### Required work
The result should be every line in the material below containing the string "IFCPOLYGONALFACESET".
Exercise input section start
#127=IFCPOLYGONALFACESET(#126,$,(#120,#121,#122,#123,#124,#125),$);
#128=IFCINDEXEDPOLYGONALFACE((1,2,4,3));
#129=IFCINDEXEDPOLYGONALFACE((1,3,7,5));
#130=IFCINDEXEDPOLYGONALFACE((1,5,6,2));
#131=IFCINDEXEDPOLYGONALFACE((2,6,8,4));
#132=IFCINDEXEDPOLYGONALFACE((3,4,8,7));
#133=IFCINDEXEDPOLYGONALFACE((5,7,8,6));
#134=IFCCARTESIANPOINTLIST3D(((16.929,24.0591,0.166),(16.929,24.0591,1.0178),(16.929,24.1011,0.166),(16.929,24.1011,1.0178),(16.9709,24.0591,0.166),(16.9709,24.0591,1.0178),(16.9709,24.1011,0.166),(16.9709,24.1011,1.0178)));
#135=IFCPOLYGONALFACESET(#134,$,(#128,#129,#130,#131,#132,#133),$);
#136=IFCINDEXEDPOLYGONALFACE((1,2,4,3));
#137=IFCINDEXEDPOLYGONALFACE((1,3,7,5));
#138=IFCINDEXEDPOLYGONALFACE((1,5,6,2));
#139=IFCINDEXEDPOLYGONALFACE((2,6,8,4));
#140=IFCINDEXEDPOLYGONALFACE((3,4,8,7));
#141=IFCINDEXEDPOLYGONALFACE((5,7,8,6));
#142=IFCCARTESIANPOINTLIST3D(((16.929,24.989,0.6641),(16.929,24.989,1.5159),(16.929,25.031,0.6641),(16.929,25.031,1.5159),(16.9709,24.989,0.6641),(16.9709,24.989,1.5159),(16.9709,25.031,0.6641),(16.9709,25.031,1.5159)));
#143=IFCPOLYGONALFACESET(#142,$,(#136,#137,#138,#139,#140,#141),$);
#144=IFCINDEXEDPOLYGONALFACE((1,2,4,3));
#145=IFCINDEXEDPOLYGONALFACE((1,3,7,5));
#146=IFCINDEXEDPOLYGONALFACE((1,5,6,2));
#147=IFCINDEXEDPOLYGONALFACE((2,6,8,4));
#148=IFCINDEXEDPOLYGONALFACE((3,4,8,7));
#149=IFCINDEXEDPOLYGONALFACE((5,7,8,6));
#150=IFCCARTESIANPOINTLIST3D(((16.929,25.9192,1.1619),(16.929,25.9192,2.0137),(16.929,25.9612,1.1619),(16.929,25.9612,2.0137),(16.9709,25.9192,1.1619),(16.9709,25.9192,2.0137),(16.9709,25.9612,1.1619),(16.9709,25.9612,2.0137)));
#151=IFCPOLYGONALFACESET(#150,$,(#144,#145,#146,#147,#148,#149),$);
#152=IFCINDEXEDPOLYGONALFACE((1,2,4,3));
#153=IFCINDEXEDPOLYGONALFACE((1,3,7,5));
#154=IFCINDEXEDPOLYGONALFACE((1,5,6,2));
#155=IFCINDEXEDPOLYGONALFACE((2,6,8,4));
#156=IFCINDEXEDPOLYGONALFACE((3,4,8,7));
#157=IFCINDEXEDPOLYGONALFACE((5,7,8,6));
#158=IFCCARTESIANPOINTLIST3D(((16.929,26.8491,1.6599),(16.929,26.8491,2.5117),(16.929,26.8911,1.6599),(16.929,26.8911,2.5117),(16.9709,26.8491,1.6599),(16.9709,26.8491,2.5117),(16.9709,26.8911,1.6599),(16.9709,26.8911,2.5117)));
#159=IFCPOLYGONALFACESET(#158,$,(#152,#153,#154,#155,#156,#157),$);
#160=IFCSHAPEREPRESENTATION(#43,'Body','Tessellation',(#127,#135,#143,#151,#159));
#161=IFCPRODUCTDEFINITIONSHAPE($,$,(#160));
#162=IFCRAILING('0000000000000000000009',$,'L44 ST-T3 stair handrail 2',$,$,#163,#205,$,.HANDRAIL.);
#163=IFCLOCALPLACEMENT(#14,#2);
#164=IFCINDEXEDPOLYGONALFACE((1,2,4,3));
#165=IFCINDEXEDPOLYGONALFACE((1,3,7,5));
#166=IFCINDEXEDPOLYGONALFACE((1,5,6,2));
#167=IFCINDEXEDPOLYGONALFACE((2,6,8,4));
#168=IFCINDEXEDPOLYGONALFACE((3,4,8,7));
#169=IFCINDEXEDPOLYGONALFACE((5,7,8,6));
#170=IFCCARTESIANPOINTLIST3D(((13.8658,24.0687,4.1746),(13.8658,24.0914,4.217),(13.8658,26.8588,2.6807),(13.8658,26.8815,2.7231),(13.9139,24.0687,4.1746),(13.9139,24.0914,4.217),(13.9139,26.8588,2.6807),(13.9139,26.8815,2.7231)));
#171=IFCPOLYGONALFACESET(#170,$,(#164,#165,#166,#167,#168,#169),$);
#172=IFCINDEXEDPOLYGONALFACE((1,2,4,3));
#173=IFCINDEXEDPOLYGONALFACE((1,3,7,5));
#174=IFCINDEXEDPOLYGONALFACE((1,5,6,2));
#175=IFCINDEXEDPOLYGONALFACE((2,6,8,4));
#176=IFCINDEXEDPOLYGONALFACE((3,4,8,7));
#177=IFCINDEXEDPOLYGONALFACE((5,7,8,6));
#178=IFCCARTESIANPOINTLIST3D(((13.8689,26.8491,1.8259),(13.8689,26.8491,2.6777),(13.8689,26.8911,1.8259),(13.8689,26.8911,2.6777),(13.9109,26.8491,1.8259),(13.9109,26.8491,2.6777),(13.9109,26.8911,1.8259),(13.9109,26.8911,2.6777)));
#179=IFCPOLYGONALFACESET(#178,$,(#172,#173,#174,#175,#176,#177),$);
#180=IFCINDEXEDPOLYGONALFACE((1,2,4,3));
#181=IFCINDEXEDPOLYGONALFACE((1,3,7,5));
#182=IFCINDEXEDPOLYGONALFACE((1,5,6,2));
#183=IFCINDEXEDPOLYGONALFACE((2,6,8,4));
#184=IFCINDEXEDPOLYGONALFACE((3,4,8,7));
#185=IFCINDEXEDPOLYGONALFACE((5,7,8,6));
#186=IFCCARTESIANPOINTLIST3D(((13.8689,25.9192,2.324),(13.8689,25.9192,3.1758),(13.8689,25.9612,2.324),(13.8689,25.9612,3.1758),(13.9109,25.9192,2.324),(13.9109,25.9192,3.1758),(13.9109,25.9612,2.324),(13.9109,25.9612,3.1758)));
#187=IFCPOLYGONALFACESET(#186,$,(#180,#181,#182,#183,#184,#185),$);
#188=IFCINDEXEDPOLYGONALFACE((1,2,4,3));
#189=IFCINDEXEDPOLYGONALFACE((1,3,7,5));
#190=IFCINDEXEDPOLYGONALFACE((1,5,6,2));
Exercise input section end
### Response
#127=IFCPOLYGONALFACESET(#126,$,(#120,#121,#122,#123,#124,#125),$);
#135=IFCPOLYGONALFACESET(#134,$,(#128,#129,#130,#131,#132,#133),$);
#143=IFCPOLYGONALFACESET(#142,$,(#136,#137,#138,#139,#140,#141),$);
#151=IFCPOLYGONALFACESET(#150,$,(#144,#145,#146,#147,#148,#149),$);
#159=IFCPOLYGONALFACESET(#158,$,(#152,#153,#154,#155,#156,#157),$);
#171=IFCPOLYGONALFACESET(#170,$,(#164,#165,#166,#167,#168,#169),$);
#179=IFCPOLYGONALFACESET(#178,$,(#172,#173,#174,#175,#176,#177),$);
#187=IFCPOLYGONALFACESET(#186,$,(#180,#181,#182,#183,#184,#185),$);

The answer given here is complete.